Data supplied.
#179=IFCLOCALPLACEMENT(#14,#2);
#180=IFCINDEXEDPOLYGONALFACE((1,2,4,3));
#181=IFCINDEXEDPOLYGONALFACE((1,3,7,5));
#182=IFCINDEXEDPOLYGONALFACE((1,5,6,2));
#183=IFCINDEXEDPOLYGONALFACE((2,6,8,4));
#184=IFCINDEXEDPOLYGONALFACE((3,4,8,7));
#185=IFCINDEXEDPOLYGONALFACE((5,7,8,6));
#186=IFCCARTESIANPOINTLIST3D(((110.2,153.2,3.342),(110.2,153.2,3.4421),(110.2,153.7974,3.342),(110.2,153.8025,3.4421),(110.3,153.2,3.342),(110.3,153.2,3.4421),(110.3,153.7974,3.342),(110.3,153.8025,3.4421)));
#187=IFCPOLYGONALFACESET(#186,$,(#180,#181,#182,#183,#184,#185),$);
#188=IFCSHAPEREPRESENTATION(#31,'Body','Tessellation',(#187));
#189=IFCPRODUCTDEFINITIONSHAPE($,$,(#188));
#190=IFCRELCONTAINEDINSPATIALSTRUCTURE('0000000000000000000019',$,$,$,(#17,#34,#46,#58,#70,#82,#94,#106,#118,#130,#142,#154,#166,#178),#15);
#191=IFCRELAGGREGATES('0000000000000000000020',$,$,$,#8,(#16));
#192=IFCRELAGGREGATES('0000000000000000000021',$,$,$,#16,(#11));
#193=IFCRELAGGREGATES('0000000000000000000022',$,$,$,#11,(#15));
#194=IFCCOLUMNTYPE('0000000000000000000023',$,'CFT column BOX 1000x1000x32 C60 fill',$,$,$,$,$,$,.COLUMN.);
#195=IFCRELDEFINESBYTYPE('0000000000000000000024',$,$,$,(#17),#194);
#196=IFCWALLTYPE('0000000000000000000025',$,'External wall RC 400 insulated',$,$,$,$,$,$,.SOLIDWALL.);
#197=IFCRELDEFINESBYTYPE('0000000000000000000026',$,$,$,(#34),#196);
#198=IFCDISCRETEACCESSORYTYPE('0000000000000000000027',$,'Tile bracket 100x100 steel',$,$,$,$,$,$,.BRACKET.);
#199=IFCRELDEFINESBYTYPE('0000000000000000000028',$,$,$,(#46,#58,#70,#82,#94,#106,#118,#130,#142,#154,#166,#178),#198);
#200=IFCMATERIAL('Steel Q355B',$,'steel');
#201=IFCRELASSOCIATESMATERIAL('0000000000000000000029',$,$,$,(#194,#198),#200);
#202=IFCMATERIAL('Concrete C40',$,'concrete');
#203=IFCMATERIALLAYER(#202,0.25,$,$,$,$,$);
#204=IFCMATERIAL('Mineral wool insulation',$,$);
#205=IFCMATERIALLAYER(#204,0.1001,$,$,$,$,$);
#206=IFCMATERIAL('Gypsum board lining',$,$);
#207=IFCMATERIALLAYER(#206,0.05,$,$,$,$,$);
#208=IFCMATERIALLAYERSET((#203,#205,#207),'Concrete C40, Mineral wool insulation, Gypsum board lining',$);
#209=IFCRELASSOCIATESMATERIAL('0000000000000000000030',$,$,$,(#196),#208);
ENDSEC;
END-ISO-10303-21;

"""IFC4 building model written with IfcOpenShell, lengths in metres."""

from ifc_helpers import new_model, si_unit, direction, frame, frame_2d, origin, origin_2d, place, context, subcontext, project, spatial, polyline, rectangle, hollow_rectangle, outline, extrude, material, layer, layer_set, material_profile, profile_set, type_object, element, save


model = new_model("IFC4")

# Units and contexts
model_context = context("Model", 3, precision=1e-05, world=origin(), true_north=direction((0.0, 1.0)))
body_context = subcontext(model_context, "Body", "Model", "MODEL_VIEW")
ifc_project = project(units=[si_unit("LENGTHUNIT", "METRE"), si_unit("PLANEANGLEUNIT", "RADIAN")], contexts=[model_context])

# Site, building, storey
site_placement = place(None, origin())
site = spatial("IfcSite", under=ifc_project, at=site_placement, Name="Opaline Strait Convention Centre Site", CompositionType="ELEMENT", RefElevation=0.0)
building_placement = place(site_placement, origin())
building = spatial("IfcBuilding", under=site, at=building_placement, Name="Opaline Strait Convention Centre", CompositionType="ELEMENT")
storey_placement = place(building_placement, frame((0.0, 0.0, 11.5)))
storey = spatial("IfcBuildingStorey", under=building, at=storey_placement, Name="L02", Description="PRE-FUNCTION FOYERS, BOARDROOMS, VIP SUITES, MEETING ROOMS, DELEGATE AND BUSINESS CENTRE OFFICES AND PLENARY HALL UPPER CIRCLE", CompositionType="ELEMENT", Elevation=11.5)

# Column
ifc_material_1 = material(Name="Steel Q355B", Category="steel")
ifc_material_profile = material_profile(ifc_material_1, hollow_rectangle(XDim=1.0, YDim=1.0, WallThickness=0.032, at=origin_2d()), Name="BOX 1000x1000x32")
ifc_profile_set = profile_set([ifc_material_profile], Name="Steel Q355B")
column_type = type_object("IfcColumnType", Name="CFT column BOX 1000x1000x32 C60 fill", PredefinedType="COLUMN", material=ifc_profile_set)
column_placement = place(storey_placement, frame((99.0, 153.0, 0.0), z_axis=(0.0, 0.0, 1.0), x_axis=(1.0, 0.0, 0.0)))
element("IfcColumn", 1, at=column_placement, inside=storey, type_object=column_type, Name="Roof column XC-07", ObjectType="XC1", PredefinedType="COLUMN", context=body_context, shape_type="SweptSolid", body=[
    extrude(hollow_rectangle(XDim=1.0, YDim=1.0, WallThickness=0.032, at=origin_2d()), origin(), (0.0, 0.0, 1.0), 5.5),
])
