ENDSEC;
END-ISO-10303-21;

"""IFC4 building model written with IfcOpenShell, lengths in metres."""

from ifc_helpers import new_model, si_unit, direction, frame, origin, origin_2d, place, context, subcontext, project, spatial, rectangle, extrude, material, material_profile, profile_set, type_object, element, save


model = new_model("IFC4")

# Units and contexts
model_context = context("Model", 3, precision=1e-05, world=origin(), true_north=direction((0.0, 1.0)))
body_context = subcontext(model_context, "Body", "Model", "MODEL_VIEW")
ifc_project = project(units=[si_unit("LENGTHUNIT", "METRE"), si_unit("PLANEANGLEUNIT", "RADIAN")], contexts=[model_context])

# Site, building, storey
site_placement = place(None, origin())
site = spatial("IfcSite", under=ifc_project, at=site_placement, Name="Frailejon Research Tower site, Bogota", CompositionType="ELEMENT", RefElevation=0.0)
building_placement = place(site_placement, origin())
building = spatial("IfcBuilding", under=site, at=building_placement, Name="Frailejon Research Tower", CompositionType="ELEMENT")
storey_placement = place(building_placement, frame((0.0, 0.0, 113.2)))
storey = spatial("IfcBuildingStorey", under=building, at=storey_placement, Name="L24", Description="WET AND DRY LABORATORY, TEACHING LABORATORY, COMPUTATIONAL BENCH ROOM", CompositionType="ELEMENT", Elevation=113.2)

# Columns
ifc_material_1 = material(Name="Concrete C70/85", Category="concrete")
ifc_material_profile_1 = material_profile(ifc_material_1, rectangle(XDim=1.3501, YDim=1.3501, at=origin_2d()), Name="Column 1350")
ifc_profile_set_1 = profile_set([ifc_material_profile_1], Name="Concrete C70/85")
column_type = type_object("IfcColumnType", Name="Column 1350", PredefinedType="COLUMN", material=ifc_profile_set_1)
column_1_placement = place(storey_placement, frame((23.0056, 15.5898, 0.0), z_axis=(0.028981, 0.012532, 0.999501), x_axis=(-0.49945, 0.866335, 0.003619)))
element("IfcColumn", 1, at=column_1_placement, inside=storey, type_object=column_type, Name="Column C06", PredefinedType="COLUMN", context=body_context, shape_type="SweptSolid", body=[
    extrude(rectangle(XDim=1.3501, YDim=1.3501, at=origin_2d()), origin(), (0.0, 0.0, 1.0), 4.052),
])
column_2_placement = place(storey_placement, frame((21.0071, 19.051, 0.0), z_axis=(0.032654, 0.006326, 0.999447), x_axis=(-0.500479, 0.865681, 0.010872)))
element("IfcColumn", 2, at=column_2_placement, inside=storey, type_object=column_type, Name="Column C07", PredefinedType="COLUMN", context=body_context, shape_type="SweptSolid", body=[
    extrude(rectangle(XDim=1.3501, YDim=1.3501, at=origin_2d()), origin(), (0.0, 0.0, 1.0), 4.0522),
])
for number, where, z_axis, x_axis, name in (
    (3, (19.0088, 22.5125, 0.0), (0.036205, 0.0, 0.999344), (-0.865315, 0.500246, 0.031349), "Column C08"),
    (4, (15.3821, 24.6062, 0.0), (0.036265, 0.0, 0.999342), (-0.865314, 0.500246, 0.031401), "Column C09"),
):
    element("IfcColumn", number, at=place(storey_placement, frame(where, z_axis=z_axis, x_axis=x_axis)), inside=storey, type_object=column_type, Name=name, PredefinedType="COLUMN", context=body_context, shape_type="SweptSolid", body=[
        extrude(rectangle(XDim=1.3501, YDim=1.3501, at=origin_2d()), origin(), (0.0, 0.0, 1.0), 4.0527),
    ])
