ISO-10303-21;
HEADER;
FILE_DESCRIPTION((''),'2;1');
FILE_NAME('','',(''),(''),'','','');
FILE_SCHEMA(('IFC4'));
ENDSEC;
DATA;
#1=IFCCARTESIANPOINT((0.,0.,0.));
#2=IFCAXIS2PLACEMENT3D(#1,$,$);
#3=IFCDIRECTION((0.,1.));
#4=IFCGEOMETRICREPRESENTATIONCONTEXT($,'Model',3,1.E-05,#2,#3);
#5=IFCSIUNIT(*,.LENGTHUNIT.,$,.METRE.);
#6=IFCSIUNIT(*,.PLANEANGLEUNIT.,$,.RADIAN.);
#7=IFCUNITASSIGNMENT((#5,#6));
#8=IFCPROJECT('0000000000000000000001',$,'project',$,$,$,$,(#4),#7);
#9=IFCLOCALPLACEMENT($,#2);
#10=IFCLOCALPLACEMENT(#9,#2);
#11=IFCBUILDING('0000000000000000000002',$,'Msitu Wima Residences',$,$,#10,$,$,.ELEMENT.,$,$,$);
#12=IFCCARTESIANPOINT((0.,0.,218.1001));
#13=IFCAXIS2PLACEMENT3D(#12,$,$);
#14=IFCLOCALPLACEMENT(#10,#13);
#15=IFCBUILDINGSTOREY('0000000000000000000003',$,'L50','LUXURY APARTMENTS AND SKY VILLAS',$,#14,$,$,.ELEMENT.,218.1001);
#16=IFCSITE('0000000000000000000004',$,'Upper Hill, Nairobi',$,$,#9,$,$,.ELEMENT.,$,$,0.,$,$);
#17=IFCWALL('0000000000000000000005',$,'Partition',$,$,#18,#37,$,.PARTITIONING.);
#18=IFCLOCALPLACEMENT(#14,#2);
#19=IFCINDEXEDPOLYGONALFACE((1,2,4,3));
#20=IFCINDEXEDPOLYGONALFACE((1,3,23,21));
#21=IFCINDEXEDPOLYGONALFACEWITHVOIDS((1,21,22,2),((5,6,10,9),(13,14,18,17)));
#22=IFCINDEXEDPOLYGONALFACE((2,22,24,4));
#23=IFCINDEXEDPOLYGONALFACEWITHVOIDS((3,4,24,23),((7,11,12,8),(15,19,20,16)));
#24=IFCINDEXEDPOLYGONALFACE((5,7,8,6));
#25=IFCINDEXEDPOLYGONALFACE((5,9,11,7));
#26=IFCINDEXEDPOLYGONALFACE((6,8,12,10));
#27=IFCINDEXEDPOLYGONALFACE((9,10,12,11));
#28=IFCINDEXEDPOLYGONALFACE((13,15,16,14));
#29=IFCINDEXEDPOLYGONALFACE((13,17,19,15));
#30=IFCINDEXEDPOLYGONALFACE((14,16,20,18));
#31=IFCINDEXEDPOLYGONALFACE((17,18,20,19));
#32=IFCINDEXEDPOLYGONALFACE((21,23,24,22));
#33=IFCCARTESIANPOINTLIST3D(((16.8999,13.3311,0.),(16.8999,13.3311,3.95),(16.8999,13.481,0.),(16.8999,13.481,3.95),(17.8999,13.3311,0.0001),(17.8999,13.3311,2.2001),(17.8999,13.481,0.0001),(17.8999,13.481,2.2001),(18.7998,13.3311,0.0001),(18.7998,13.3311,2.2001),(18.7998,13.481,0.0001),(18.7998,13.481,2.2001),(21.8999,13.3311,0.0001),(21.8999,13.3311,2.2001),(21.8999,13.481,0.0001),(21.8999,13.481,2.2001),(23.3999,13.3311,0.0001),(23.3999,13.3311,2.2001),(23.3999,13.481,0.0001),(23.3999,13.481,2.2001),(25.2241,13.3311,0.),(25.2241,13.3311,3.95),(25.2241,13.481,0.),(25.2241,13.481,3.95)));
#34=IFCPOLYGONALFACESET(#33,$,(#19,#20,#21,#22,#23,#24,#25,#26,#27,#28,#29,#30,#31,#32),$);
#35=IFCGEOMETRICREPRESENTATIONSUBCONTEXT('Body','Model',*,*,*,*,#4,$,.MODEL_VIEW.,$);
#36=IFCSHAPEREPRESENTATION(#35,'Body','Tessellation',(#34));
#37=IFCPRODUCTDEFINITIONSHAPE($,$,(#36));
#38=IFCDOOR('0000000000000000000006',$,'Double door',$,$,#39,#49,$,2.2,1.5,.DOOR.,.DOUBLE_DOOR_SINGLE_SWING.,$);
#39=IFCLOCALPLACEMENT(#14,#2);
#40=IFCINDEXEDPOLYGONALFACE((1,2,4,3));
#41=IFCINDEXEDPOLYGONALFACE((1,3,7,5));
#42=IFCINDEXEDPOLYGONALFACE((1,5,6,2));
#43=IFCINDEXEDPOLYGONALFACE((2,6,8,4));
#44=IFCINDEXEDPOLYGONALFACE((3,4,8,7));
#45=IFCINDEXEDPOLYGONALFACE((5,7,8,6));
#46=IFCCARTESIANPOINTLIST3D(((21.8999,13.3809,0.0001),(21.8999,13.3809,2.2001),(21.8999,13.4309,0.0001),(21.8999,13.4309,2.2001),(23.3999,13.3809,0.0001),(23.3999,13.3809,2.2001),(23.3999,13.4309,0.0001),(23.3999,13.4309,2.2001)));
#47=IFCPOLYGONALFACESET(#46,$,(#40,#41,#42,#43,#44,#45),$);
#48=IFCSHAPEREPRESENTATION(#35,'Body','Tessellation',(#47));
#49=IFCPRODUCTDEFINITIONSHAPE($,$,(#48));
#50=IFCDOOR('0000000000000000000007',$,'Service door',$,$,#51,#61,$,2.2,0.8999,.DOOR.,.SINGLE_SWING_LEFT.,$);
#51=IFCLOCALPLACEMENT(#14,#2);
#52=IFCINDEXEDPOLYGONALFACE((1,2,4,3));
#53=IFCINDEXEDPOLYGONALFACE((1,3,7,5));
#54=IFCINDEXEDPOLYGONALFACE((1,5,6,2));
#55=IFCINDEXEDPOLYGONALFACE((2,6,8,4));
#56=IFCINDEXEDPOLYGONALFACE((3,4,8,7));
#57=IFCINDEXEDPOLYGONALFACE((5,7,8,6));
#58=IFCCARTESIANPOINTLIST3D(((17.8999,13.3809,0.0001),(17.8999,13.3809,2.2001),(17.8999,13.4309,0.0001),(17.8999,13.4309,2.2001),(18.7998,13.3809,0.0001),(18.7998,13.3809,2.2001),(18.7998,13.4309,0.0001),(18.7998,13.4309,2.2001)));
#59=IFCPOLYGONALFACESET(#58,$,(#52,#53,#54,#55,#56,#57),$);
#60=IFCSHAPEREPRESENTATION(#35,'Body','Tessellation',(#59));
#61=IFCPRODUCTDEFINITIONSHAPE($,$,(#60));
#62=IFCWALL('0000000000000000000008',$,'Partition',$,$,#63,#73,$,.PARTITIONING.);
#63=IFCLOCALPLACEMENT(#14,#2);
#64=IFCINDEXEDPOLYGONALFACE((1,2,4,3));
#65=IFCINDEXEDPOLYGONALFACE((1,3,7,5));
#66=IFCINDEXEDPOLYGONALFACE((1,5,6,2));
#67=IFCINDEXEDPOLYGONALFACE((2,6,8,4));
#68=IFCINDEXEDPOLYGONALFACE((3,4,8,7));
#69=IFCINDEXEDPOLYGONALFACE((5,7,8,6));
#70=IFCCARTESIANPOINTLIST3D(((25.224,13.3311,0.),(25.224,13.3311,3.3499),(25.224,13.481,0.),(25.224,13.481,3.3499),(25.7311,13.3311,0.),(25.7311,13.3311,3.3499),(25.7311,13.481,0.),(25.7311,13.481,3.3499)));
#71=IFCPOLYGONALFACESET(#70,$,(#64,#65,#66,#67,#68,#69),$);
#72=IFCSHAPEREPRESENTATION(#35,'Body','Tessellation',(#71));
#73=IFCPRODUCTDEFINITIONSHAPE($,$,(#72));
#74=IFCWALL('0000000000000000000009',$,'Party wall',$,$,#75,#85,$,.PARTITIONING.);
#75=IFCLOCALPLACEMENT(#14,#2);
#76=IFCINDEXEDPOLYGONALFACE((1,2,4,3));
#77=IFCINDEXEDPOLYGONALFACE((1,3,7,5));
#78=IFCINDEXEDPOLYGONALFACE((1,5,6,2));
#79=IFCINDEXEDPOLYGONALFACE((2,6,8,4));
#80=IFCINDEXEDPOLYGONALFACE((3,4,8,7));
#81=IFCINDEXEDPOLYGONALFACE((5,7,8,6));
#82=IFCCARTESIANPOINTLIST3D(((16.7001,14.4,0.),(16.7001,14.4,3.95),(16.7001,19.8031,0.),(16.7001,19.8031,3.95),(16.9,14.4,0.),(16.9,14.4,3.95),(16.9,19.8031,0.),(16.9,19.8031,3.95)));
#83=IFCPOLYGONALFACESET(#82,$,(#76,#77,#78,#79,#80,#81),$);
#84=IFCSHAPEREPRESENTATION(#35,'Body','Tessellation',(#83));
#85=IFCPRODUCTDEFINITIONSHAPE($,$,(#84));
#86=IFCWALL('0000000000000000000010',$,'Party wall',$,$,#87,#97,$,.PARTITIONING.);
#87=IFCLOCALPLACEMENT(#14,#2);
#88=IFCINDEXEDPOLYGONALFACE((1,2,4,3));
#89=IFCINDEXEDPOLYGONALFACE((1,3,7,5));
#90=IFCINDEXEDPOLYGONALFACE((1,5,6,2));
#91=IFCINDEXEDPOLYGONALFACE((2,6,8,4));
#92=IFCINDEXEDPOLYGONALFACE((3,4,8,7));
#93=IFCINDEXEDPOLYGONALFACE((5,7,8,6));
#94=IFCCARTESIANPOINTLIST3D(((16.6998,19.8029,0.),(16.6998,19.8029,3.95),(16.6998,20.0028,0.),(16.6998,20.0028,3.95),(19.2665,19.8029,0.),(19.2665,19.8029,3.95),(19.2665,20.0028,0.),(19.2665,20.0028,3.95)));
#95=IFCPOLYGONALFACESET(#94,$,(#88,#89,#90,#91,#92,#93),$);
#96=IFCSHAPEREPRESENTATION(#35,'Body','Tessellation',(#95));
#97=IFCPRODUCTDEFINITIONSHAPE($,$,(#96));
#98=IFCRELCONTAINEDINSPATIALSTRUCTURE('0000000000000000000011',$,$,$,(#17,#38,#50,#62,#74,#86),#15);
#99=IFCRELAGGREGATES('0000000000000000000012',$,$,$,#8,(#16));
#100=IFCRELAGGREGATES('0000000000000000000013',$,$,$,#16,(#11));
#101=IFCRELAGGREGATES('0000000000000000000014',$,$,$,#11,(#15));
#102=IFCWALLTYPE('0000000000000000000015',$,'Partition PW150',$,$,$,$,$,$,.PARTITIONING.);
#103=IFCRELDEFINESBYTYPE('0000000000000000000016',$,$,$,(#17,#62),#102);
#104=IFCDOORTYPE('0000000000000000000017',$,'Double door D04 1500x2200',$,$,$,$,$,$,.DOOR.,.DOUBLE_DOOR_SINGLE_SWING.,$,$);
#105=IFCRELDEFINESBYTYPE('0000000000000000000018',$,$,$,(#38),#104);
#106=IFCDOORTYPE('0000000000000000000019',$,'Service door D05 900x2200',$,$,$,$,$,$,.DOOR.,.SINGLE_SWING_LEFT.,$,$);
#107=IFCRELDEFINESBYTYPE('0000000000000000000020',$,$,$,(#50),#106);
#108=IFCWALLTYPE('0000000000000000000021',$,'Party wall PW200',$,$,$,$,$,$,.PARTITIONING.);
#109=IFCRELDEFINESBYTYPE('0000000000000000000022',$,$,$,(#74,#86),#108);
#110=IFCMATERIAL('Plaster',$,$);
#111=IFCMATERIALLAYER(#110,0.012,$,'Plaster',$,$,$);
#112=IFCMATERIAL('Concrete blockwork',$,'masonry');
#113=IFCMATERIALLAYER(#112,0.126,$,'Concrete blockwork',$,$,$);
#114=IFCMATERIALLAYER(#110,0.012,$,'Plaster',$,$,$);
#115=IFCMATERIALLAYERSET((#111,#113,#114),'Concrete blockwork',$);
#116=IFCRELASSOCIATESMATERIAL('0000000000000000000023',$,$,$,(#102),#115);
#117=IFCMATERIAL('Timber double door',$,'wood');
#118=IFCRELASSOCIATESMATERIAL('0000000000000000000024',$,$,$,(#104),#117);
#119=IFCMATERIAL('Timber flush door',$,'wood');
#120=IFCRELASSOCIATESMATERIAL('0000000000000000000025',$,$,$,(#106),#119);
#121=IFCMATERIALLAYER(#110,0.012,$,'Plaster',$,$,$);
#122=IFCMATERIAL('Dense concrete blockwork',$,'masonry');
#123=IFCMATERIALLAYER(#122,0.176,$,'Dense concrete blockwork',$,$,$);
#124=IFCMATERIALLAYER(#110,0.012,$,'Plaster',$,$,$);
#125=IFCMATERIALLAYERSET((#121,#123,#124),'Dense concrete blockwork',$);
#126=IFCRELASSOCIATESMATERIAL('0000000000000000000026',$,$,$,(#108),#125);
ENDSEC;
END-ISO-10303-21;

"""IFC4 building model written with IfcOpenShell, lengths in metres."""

from ifc_helpers import new_model, si_unit, direction, frame, frame_2d, origin, place, context, subcontext, project, spatial, rectangle, extrude, material, layer, layer_set, type_object, element, fill, save


model = new_model("IFC4")

# Units and contexts
model_context = context("Model", 3, precision=1e-05, world=origin(), true_north=direction((0.0, 1.0)))
body_context = subcontext(model_context, "Body", "Model", "MODEL_VIEW")
ifc_project = project(units=[si_unit("LENGTHUNIT", "METRE"), si_unit("PLANEANGLEUNIT", "RADIAN")], contexts=[model_context])

# Site, building, storey
site_placement = place(None, origin())
site = spatial("IfcSite", under=ifc_project, at=site_placement, Name="Upper Hill, Nairobi", CompositionType="ELEMENT", RefElevation=0.0)
building_placement = place(site_placement, origin())
building = spatial("IfcBuilding", under=site, at=building_placement, Name="Msitu Wima Residences", CompositionType="ELEMENT")
storey_placement = place(building_placement, frame((0.0, 0.0, 218.1001)))
storey = spatial("IfcBuildingStorey", under=building, at=storey_placement, Name="L50", Description="LUXURY APARTMENTS AND SKY VILLAS", CompositionType="ELEMENT", Elevation=218.1001)

# Shared definitions
ifc_material_1 = material(Name="Plaster")
ifc_material_2 = material(Name="Concrete blockwork", Category="masonry")

# Shared definitions
ifc_layer_1 = layer(ifc_material_1, 0.012, Name="Plaster")
ifc_layer_2 = layer(ifc_material_2, 0.126, Name="Concrete blockwork")
ifc_layer_3 = layer(ifc_material_1, 0.012, Name="Plaster")
ifc_layer_set_1 = layer_set([ifc_layer_1, ifc_layer_2, ifc_layer_3], Name="Concrete blockwork")
wall_type_1 = type_object("IfcWallType", Name="Partition PW150", PredefinedType="PARTITIONING", material=ifc_layer_set_1)
ifc_material_3 = material(Name="Timber flush door", Category="wood")

# Wall, openings, doors
wall_1_placement = place(storey_placement, frame((16.8999, 13.406, 0.0), z_axis=(0.0, 0.0, 1.0), x_axis=(1.0, 0.0, 0.0)))
wall_1 = element("IfcWall", 1, at=wall_1_placement, inside=storey, type_object=wall_type_1, Name="Partition", PredefinedType="PARTITIONING", context=body_context, shape_type="SweptSolid", body=[
    extrude(rectangle(XDim=8.3242, YDim=0.1499, at=frame_2d((4.1621, 0.0))), origin(), (0.0, 0.0, 1.0), 3.95),
])
opening_1_placement = place(wall_1_placement, frame((5.0, 0.0, 0.0)))
opening_1 = element("IfcOpeningElement", 2, at=opening_1_placement, cuts=wall_1, PredefinedType="OPENING", context=body_context, shape_type="SweptSolid", body=[
    extrude(rectangle(XDim=1.5, YDim=2.2, at=frame_2d((0.75, 1.1001))), frame((0.0, 0.085, 0.0), z_axis=(0.0, -1.0, 0.0), x_axis=(1.0, 0.0, 0.0)), (0.0, 0.0, 1.0), 0.1699),
])
opening_2_placement = place(wall_1_placement, frame((1.0, 0.0, 0.0)))
opening_2 = element("IfcOpeningElement", 3, at=opening_2_placement, cuts=wall_1, PredefinedType="OPENING", context=body_context, shape_type="SweptSolid", body=[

What to work on. Please transcribe only the lines in the records above running from the line that has "AND SKY VILLAS',$,#14,$,$,.ELEMENT.,218.1001);" through the line that has "#27=IFCINDEXEDPOLYGONALFACE((9,10,12,11));", both included, exactly as they appear.

Answer section.
#15=IFCBUILDINGSTOREY('0000000000000000000003',$,'L50','LUXURY APARTMENTS AND SKY VILLAS',$,#14,$,$,.ELEMENT.,218.1001);
#16=IFCSITE('0000000000000000000004',$,'Upper Hill, Nairobi',$,$,#9,$,$,.ELEMENT.,$,$,0.,$,$);
#17=IFCWALL('0000000000000000000005',$,'Partition',$,$,#18,#37,$,.PARTITIONING.);
#18=IFCLOCALPLACEMENT(#14,#2);
#19=IFCINDEXEDPOLYGONALFACE((1,2,4,3));
#20=IFCINDEXEDPOLYGONALFACE((1,3,23,21));
#21=IFCINDEXEDPOLYGONALFACEWITHVOIDS((1,21,22,2),((5,6,10,9),(13,14,18,17)));
#22=IFCINDEXEDPOLYGONALFACE((2,22,24,4));
#23=IFCINDEXEDPOLYGONALFACEWITHVOIDS((3,4,24,23),((7,11,12,8),(15,19,20,16)));
#24=IFCINDEXEDPOLYGONALFACE((5,7,8,6));
#25=IFCINDEXEDPOLYGONALFACE((5,9,11,7));
#26=IFCINDEXEDPOLYGONALFACE((6,8,12,10));
#27=IFCINDEXEDPOLYGONALFACE((9,10,12,11));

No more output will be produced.